Collected data:
== Segment start ==
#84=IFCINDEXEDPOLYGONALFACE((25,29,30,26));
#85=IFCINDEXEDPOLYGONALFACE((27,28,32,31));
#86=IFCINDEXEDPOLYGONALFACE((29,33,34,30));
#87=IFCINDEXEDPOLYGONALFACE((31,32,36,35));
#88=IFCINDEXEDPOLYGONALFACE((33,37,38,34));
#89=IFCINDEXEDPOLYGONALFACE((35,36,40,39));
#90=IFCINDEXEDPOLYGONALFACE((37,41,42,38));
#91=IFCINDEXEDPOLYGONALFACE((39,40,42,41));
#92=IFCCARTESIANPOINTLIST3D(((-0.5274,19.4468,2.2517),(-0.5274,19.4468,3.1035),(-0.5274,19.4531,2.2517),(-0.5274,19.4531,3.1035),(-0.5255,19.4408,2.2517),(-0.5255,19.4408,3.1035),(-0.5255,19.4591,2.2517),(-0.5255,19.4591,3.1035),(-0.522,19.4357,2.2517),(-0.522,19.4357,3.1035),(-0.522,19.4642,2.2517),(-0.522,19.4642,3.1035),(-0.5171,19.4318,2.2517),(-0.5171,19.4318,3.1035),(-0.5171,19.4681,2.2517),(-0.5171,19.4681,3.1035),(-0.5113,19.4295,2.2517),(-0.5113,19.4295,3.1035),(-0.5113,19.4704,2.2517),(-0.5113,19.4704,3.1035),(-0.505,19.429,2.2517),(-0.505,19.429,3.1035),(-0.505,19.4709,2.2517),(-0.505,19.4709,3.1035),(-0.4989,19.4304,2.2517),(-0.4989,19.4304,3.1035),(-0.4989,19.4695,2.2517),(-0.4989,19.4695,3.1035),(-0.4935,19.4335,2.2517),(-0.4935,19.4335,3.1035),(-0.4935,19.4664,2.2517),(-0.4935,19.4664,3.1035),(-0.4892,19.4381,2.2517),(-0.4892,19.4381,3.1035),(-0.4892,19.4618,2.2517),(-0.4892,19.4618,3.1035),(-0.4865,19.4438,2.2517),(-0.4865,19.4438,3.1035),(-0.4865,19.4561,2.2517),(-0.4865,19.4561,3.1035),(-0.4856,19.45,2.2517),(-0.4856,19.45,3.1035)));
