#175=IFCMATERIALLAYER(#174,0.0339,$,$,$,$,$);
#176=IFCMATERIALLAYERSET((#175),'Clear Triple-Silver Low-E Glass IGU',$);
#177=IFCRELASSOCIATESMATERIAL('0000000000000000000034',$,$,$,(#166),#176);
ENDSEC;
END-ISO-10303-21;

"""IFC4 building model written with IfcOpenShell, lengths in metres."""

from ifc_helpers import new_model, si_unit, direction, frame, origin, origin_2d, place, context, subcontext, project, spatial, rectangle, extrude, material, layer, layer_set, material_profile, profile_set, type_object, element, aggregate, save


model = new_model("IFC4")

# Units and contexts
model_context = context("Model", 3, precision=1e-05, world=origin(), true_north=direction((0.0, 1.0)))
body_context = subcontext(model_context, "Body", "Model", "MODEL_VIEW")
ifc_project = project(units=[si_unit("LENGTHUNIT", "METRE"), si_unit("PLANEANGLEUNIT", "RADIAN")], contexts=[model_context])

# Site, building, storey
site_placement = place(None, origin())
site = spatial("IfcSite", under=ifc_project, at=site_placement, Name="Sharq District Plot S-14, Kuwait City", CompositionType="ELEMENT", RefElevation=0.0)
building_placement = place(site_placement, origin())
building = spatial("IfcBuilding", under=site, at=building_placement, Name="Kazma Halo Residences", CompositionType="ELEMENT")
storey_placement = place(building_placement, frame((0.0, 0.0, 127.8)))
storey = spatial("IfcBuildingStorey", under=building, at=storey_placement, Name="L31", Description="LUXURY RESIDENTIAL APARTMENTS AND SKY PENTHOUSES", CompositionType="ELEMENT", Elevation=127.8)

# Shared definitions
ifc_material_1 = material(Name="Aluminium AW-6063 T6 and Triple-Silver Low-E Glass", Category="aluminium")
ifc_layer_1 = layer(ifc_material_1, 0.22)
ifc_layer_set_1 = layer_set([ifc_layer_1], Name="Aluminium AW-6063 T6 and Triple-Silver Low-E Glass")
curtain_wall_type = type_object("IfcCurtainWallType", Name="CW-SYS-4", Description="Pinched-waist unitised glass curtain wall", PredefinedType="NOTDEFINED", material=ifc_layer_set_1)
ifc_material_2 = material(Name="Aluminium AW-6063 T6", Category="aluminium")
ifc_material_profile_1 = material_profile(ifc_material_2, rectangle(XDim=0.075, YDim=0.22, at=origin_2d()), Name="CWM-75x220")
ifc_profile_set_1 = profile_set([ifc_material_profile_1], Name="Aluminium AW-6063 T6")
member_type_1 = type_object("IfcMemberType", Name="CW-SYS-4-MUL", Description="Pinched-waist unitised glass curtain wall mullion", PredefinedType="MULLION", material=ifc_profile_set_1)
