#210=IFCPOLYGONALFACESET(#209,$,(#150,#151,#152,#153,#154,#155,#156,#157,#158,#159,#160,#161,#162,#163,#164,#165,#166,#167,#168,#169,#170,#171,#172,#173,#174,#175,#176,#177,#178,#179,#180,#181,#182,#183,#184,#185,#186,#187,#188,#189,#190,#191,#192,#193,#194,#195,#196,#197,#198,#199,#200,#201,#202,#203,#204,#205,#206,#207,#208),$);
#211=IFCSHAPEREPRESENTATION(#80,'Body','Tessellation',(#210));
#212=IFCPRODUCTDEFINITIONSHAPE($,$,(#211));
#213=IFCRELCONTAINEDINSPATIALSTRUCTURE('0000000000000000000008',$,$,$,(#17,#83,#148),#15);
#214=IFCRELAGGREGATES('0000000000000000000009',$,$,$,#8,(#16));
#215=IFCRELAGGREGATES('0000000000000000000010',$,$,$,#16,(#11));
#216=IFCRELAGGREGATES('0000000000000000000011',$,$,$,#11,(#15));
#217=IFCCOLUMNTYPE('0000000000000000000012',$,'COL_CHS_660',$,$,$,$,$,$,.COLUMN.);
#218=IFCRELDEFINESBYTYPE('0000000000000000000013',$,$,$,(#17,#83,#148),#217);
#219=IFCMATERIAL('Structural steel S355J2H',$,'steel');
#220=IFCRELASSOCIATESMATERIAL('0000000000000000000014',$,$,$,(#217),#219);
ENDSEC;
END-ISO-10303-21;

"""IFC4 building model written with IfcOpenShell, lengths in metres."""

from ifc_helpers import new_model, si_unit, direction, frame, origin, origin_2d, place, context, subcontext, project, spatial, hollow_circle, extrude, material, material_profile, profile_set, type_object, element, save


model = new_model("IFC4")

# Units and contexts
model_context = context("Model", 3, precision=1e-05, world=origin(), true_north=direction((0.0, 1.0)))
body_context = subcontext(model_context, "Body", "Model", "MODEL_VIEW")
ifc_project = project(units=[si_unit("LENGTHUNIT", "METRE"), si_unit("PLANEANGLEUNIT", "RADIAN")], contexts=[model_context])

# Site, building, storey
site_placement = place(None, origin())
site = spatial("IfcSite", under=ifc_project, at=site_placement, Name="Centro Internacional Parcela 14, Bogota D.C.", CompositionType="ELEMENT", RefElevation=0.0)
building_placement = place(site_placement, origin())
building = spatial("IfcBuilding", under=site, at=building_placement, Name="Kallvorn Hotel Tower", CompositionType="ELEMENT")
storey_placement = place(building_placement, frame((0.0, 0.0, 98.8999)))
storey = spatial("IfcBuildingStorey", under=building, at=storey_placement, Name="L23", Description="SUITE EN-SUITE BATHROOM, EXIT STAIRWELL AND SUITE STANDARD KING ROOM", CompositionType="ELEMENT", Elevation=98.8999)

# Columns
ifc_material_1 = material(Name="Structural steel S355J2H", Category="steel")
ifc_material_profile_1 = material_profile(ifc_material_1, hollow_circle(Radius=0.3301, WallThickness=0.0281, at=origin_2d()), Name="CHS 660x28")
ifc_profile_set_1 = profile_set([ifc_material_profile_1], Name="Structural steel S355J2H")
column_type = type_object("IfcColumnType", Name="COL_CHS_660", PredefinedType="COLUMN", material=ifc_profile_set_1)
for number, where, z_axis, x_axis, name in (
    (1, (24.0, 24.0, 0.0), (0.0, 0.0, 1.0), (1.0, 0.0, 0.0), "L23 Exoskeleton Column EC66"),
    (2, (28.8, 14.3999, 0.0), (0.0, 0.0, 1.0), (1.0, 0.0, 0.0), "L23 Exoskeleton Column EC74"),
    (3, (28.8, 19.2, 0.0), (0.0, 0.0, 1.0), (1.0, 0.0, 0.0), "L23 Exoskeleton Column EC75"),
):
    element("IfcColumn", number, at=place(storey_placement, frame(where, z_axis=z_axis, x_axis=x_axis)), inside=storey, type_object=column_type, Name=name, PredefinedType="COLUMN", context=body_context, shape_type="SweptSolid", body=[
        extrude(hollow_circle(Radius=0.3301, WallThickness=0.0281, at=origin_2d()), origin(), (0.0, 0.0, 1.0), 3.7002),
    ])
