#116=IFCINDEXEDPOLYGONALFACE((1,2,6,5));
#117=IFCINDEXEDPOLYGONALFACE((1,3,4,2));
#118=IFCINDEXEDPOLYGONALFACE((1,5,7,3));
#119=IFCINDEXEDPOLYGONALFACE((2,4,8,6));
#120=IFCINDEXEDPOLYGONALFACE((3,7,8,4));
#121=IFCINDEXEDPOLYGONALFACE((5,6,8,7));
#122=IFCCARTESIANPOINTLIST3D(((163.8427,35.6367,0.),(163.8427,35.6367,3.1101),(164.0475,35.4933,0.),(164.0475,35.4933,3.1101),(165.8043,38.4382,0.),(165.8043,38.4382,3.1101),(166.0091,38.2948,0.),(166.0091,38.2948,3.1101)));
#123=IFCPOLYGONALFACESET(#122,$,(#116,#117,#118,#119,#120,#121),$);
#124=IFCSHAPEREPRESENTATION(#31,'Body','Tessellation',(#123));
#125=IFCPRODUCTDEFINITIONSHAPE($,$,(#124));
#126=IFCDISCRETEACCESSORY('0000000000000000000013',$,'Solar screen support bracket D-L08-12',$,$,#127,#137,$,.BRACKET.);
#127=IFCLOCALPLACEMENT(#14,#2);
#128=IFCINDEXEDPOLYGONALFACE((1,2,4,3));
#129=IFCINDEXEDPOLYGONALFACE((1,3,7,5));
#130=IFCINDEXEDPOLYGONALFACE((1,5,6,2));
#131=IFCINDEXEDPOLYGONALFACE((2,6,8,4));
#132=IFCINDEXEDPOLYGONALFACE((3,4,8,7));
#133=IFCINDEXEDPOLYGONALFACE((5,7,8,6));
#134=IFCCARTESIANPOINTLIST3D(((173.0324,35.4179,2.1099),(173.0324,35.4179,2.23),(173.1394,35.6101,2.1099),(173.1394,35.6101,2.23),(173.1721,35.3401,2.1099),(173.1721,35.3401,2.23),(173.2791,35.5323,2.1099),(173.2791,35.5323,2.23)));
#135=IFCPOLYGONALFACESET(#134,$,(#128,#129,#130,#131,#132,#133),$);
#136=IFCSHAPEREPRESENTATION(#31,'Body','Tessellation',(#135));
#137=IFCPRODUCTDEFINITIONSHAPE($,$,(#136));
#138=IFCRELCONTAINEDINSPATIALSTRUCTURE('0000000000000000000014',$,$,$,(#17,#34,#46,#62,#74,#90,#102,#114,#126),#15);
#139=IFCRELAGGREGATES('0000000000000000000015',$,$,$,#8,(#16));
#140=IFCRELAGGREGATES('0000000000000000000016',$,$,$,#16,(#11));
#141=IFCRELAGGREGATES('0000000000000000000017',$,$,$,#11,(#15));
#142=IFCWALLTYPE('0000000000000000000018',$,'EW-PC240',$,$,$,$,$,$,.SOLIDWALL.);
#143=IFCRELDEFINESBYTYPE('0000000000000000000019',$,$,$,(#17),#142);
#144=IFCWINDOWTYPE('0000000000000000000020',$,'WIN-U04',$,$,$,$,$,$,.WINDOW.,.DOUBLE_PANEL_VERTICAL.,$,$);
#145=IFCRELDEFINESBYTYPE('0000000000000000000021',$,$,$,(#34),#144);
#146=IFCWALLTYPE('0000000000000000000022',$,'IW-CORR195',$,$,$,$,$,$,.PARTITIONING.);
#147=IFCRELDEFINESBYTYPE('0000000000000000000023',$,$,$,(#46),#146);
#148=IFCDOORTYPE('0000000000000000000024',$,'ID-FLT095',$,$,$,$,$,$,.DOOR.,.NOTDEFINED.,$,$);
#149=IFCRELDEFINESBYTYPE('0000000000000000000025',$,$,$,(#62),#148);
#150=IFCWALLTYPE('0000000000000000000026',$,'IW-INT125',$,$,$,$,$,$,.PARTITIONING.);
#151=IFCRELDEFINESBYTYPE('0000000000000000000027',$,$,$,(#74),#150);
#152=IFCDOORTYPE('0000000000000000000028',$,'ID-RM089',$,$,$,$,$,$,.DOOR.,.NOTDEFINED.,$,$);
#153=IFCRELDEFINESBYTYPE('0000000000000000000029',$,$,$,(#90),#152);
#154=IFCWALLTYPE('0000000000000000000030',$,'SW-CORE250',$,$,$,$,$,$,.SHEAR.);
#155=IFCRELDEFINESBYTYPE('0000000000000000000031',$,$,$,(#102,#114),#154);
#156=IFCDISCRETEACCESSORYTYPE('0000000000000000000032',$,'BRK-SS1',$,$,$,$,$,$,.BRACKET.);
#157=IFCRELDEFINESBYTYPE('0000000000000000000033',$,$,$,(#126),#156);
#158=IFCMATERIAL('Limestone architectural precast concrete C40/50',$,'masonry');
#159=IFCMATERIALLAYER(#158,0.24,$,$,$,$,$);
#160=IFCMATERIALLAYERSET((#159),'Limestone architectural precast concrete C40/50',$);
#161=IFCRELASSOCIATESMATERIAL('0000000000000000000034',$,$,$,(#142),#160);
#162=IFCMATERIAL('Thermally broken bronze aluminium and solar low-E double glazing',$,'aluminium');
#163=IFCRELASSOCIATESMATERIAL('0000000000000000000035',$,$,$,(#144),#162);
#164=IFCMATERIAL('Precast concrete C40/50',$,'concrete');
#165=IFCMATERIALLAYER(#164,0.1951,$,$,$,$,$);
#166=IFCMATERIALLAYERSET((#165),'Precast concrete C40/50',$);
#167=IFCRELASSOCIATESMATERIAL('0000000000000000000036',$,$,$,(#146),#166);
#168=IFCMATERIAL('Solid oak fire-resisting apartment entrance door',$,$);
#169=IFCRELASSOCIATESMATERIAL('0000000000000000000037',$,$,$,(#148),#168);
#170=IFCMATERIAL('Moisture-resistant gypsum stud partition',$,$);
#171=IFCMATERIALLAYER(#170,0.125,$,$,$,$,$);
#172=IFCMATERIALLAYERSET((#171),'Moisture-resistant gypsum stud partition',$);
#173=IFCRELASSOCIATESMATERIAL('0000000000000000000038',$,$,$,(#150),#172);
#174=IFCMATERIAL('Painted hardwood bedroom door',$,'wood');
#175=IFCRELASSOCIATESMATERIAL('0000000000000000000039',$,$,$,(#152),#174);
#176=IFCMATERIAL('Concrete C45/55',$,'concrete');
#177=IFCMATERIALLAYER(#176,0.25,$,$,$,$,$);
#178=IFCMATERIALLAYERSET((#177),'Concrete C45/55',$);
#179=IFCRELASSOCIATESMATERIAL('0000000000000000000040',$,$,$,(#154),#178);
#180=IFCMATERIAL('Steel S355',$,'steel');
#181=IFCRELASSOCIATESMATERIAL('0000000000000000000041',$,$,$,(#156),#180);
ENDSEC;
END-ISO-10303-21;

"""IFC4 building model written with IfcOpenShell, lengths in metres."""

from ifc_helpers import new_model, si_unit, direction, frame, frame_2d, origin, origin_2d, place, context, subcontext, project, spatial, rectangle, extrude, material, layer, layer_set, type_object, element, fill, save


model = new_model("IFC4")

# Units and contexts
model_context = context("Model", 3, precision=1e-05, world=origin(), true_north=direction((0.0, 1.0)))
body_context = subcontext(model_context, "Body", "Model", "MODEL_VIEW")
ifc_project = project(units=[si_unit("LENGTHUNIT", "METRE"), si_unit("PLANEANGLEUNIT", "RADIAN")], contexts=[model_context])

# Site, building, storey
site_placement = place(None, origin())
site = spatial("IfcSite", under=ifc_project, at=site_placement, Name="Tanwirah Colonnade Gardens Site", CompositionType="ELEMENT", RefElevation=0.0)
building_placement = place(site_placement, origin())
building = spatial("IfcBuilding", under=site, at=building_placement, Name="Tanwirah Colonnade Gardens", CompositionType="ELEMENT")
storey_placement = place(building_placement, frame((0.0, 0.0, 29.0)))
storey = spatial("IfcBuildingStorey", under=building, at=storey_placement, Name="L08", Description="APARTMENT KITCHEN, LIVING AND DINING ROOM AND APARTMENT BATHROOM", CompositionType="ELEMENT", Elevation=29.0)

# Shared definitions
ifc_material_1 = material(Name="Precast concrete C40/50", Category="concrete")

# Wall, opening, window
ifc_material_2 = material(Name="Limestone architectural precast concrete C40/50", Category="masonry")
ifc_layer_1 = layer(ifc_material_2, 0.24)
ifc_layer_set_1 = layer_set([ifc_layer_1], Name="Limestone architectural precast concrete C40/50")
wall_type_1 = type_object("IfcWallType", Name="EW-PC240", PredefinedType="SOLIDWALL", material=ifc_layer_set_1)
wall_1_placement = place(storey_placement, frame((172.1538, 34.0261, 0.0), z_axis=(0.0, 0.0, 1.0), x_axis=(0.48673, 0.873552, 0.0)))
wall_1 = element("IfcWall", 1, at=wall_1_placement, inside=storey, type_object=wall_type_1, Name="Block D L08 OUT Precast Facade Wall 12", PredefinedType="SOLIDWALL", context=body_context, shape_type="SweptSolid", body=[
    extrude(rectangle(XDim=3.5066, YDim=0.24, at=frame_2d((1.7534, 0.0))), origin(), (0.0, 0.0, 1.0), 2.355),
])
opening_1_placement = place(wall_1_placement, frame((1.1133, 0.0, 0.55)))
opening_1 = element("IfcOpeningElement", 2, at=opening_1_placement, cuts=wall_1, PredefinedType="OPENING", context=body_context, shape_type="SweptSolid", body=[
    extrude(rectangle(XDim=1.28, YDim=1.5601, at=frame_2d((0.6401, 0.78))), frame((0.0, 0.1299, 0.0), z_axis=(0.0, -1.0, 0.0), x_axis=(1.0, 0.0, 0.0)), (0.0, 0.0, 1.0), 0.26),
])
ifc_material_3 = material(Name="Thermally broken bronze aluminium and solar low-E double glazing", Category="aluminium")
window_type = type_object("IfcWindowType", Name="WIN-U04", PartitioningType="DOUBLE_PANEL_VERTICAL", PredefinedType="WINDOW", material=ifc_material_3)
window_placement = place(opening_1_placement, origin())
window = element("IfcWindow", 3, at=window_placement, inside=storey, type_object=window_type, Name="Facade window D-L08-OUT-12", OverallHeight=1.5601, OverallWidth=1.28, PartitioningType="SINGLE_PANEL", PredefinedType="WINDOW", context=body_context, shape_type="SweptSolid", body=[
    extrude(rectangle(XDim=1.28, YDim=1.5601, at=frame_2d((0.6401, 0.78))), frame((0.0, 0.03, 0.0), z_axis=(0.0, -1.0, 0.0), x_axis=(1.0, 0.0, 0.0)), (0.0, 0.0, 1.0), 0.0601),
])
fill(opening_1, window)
== Segment end ==
-- Exercise description --
From the data above, show each line that contains "import".

-- Finished task --
from ifc_helpers import new_model, si_unit, direction, frame, origin, origin_2d, place, context, subcontext, project, spatial, rectangle, extrude, material, layer, layer_set, material_profile, profile_set, type_object, element, aggregate, save
from ifc_helpers import new_model, si_unit, direction, frame, origin, origin_2d, place, context, subcontext, project, spatial, hollow_circle, extrude, material, material_profile, profile_set, type_object, element, save
from ifc_helpers import new_model, si_unit, direction, frame, frame_2d, origin, origin_2d, place, context, subcontext, project, spatial, rectangle, extrude, material, layer, layer_set, type_object, element, fill, save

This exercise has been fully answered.